* _WHAT TO PRODUCE_: Show each line of the records below where the word "XDim" occurs.
(RECORDS SUPPLIED)
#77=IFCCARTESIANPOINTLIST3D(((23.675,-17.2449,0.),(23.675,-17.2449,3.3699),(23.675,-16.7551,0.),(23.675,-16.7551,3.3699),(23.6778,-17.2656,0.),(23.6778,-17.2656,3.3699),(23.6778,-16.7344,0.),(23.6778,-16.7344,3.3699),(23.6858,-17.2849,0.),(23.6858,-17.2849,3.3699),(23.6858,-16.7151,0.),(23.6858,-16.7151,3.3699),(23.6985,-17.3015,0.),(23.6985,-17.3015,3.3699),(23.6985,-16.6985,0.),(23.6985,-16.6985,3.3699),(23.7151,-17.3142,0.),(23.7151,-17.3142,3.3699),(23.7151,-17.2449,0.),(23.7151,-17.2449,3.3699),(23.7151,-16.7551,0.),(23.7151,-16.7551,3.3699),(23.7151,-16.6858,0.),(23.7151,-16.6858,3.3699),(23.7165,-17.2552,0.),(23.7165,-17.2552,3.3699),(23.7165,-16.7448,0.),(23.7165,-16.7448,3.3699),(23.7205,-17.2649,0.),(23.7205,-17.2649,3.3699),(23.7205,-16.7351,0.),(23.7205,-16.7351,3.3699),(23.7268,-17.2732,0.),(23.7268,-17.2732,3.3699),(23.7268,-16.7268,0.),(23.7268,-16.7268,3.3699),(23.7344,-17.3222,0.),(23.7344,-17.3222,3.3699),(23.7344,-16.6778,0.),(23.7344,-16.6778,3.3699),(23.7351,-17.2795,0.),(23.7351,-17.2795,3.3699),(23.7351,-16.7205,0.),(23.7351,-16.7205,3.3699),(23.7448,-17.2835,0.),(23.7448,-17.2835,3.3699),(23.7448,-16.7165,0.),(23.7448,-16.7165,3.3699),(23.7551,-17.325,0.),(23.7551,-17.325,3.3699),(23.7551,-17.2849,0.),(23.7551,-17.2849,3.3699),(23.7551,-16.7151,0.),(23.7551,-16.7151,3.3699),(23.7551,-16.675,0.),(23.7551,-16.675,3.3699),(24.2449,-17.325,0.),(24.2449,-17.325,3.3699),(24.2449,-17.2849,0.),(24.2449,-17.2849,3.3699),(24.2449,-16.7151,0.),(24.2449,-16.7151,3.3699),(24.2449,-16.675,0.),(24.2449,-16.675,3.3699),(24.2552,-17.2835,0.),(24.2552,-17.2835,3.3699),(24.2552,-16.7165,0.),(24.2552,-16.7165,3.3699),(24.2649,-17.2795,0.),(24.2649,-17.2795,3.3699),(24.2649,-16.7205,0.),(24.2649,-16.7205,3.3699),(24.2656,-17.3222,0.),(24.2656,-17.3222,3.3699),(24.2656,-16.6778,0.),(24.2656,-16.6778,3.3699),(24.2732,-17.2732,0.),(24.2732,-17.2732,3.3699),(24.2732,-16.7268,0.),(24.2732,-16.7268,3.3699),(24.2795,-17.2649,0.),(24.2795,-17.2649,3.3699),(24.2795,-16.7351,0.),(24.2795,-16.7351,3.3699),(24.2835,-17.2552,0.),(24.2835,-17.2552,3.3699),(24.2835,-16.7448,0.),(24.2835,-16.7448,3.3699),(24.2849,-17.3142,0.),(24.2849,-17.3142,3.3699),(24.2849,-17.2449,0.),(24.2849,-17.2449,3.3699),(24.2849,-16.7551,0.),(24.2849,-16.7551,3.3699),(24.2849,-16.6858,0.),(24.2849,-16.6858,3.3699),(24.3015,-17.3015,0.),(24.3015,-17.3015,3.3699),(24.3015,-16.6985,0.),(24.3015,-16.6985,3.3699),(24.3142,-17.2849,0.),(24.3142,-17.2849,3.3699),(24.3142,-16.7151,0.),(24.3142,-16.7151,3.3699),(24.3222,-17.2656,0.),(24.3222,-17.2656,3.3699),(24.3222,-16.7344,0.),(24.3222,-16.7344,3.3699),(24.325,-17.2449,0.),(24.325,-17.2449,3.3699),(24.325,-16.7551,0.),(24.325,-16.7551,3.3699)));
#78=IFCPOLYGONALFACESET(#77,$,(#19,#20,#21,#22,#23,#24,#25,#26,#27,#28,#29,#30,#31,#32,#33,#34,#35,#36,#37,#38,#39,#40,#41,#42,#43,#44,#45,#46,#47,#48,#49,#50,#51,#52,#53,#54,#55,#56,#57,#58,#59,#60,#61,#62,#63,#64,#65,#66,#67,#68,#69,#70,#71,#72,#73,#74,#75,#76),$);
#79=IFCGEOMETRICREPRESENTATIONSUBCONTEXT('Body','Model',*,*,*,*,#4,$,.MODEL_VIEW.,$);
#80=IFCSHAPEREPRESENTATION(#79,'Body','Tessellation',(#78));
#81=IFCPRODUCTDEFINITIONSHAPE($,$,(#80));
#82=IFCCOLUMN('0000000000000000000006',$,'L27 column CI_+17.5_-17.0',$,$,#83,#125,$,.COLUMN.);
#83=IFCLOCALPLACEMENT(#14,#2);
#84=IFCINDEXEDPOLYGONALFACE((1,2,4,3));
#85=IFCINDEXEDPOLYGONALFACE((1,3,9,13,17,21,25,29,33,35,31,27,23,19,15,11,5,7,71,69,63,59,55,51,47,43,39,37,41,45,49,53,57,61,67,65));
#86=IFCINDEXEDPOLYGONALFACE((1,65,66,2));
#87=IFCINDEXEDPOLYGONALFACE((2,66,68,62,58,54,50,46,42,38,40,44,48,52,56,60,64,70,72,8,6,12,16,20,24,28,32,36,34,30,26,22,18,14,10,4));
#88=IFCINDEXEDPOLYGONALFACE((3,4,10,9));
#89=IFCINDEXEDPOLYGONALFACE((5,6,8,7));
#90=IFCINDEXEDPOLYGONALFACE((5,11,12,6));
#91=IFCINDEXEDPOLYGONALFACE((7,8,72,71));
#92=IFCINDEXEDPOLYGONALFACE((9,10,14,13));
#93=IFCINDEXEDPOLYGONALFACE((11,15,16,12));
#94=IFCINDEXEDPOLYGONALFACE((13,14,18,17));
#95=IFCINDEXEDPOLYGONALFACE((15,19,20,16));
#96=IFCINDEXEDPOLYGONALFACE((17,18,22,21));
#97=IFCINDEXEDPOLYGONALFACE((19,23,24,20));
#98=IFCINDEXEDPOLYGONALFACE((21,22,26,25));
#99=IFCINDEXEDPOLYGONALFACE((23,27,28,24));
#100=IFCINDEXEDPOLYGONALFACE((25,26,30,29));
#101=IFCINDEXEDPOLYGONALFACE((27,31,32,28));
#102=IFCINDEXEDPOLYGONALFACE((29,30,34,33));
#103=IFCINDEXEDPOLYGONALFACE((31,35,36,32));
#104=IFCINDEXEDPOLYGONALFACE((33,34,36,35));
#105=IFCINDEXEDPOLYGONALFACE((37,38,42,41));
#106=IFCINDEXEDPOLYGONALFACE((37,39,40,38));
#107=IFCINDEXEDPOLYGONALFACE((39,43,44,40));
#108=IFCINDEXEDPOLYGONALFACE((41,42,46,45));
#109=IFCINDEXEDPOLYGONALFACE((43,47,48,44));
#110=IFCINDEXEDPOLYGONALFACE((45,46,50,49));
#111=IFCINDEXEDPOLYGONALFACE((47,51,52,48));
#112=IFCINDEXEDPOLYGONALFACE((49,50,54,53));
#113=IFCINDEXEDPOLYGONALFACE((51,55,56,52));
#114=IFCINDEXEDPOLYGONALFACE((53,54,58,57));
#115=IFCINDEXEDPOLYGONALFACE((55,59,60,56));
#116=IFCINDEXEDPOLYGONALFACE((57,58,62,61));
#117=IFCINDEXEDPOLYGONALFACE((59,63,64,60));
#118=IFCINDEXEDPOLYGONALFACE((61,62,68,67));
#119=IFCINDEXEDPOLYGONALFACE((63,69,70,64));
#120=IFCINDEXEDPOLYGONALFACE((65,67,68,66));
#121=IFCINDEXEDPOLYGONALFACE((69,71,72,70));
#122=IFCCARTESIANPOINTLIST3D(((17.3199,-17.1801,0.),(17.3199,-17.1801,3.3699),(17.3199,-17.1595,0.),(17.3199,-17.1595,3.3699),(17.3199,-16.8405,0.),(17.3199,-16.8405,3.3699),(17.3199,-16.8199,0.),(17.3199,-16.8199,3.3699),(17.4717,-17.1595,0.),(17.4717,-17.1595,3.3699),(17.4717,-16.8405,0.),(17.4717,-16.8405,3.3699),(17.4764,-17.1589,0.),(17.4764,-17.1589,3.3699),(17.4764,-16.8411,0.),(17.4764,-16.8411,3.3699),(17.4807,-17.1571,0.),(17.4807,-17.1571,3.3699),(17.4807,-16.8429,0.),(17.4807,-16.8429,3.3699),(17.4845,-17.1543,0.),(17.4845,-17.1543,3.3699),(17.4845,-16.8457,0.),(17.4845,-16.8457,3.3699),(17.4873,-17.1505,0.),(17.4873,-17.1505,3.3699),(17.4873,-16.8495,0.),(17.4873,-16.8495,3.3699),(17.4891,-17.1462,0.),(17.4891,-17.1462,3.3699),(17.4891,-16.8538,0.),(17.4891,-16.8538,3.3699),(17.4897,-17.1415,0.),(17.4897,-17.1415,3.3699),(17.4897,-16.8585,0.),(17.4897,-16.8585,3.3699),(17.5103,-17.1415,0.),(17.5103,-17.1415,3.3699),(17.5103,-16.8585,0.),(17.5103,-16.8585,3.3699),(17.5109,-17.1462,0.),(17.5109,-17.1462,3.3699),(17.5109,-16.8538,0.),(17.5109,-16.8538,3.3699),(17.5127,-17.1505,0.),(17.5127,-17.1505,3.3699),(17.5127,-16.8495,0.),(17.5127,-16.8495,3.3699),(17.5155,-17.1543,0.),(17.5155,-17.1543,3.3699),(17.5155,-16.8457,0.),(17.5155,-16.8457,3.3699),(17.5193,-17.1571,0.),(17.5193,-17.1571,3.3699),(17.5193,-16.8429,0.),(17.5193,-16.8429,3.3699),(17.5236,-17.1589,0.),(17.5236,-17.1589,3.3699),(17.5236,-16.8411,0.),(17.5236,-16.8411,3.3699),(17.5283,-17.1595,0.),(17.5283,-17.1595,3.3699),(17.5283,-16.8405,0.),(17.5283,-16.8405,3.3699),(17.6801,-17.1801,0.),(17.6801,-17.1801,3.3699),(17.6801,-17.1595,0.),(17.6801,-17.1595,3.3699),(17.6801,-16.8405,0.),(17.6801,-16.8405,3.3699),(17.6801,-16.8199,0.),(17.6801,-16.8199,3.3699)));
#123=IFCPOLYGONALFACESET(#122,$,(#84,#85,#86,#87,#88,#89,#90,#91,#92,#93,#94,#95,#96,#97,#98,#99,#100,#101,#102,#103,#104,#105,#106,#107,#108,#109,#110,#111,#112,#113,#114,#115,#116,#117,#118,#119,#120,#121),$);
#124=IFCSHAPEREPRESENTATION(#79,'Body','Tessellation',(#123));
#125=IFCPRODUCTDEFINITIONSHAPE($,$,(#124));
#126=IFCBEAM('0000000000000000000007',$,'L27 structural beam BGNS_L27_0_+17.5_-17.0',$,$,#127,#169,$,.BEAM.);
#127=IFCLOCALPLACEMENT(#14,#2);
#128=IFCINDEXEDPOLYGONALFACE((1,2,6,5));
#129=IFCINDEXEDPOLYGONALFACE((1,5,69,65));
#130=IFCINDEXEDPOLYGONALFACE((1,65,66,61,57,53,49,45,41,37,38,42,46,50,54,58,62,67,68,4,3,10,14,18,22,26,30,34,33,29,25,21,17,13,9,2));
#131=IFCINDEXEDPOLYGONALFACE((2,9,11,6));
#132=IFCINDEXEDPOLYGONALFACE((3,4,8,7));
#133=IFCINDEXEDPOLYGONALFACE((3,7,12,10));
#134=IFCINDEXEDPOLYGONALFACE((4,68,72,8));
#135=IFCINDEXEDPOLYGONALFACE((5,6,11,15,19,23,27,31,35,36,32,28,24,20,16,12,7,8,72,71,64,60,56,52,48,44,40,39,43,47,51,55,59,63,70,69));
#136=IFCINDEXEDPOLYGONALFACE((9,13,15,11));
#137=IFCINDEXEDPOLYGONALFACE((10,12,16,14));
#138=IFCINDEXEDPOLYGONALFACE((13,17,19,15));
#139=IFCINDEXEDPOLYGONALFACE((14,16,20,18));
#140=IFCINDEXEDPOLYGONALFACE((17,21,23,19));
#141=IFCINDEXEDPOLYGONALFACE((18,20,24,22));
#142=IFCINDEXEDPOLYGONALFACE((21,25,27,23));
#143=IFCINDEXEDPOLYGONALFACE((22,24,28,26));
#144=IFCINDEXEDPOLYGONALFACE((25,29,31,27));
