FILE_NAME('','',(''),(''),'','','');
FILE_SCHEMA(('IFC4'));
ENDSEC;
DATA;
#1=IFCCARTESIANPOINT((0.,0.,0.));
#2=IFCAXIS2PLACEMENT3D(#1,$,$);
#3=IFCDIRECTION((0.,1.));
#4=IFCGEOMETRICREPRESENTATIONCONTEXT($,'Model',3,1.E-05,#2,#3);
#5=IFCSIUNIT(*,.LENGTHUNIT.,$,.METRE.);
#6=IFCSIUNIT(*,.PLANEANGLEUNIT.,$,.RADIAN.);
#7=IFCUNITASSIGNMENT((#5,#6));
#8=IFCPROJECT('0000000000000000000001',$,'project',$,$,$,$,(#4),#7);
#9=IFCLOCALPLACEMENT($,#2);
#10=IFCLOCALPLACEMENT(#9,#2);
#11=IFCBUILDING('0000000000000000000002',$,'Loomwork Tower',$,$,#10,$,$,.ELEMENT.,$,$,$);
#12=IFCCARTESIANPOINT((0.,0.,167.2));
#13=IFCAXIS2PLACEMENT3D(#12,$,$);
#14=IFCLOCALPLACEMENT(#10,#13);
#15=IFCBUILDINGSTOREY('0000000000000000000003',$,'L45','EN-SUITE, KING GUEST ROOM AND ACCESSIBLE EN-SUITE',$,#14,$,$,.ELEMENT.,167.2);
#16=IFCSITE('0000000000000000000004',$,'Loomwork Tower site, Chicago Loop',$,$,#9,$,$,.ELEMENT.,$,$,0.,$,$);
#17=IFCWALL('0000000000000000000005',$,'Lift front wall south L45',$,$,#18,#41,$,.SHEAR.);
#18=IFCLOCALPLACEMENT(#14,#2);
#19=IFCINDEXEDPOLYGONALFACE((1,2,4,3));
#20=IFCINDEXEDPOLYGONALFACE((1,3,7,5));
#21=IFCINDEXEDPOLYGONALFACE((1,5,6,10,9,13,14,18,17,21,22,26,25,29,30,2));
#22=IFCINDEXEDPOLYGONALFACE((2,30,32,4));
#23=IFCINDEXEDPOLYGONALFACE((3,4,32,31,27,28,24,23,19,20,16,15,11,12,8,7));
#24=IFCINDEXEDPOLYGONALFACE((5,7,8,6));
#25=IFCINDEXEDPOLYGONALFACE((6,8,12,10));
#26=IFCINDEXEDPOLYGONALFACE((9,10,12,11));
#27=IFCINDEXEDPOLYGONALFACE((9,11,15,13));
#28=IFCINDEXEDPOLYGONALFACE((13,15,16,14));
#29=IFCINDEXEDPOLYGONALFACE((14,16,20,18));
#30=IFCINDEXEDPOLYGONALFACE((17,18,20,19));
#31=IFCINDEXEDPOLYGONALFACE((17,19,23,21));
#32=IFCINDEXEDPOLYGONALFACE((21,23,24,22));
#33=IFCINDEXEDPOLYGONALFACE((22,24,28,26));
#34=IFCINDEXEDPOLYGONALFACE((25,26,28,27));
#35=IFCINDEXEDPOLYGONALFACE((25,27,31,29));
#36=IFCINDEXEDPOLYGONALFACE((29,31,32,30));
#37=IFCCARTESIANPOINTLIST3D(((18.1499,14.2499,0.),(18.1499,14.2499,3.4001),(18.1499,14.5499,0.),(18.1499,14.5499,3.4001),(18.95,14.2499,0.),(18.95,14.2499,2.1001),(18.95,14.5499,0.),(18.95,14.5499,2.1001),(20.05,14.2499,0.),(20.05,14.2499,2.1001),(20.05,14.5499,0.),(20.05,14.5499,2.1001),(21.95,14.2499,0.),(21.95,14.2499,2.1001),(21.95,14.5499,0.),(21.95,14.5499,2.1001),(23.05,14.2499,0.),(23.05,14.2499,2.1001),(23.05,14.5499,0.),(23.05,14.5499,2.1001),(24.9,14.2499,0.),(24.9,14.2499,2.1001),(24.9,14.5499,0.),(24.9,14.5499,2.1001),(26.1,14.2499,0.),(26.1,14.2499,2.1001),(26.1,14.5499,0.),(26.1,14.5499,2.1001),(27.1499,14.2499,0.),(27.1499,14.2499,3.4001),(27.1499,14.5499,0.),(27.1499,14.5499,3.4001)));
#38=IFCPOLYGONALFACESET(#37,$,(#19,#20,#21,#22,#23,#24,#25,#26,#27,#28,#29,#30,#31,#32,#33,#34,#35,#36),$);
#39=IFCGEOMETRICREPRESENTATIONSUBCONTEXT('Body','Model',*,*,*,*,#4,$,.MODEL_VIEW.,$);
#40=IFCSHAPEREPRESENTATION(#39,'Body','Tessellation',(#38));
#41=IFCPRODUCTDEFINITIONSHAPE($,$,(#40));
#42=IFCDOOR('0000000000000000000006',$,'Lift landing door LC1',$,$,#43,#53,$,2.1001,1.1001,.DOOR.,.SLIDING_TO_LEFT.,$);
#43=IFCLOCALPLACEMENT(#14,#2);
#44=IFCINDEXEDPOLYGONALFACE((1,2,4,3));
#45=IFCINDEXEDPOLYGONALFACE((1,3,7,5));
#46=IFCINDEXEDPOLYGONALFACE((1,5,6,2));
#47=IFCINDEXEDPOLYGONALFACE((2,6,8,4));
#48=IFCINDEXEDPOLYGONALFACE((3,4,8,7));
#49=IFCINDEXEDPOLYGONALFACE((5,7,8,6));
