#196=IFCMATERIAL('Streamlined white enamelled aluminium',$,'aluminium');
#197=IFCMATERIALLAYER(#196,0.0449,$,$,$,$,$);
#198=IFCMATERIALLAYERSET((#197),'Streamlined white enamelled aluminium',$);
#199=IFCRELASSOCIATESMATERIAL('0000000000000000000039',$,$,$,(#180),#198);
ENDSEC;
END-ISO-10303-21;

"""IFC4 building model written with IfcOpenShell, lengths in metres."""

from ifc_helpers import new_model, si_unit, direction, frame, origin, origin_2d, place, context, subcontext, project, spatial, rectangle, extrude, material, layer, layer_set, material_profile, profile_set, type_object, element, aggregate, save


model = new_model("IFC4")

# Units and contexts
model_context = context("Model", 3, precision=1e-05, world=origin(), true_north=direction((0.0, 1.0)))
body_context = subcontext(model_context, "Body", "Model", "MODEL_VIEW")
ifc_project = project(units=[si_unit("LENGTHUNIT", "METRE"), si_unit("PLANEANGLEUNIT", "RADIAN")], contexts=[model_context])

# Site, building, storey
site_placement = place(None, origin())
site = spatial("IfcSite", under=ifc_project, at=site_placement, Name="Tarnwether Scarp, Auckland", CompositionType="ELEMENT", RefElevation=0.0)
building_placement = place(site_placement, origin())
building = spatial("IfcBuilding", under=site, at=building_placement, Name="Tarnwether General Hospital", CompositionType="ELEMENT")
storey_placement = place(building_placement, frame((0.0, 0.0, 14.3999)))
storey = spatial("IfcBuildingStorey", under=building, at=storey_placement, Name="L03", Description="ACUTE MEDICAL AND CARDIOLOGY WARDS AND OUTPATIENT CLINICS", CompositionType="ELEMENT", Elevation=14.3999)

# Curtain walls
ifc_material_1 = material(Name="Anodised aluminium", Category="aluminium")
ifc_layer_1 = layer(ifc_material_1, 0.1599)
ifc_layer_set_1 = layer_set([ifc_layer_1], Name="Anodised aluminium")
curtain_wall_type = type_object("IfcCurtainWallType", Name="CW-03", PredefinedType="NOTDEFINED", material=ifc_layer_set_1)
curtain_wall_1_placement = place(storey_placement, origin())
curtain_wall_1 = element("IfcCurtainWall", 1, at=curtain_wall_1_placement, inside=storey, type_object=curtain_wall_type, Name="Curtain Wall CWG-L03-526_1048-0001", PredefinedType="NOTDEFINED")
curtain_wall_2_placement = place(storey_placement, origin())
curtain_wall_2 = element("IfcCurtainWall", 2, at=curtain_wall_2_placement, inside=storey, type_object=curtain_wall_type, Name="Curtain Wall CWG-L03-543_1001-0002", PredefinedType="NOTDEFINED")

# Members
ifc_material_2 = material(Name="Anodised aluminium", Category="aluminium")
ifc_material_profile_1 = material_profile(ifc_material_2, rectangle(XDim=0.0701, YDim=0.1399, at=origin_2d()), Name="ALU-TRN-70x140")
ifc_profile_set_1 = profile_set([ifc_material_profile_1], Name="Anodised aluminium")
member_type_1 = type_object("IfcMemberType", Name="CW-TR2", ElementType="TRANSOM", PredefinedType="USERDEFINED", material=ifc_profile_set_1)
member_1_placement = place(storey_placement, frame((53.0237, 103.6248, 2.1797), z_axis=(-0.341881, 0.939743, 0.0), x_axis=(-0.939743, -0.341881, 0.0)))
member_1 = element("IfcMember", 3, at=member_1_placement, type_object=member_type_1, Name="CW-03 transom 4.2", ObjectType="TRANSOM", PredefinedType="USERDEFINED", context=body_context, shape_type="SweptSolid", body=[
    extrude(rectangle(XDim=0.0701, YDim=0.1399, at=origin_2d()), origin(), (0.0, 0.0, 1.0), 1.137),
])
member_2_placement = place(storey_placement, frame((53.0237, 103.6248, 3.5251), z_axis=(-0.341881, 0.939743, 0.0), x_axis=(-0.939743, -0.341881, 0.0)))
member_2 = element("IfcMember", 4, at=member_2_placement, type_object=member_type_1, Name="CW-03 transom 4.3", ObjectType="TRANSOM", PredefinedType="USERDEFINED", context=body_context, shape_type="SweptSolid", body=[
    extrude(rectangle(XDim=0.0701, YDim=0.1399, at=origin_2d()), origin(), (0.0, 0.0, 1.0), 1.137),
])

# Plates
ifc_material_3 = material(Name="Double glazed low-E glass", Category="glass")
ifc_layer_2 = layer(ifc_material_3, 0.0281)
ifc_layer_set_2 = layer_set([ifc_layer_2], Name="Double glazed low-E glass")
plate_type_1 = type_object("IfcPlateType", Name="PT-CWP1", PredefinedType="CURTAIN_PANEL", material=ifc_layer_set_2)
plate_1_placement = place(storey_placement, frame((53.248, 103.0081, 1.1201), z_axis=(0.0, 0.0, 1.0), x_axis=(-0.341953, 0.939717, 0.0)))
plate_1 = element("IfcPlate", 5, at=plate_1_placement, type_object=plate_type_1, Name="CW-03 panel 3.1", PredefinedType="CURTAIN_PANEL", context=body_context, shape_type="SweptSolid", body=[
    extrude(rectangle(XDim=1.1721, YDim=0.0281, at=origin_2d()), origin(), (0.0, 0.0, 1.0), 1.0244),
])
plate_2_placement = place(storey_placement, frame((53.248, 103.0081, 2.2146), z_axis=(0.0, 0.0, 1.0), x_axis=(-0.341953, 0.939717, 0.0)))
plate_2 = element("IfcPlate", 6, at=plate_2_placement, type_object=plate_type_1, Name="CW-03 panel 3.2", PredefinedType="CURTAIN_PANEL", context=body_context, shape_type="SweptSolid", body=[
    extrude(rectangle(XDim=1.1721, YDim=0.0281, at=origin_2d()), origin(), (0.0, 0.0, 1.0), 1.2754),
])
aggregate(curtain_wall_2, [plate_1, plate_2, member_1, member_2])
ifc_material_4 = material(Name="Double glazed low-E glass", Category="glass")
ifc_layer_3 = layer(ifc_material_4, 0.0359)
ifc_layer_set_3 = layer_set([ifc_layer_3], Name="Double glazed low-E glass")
(End RECORDS SUPPLIED)
* _EXERCISE SOLUTION_:
ifc_material_profile_1 = material_profile(ifc_material_2, rectangle(XDim=0.0701, YDim=0.1399, at=origin_2d()), Name="ALU-TRN-70x140")
    extrude(rectangle(XDim=0.0701, YDim=0.1399, at=origin_2d()), origin(), (0.0, 0.0, 1.0), 1.137),
    extrude(rectangle(XDim=0.0701, YDim=0.1399, at=origin_2d()), origin(), (0.0, 0.0, 1.0), 1.137),
    extrude(rectangle(XDim=1.1721, YDim=0.0281, at=origin_2d()), origin(), (0.0, 0.0, 1.0), 1.0244),
    extrude(rectangle(XDim=1.1721, YDim=0.0281, at=origin_2d()), origin(), (0.0, 0.0, 1.0), 1.2754),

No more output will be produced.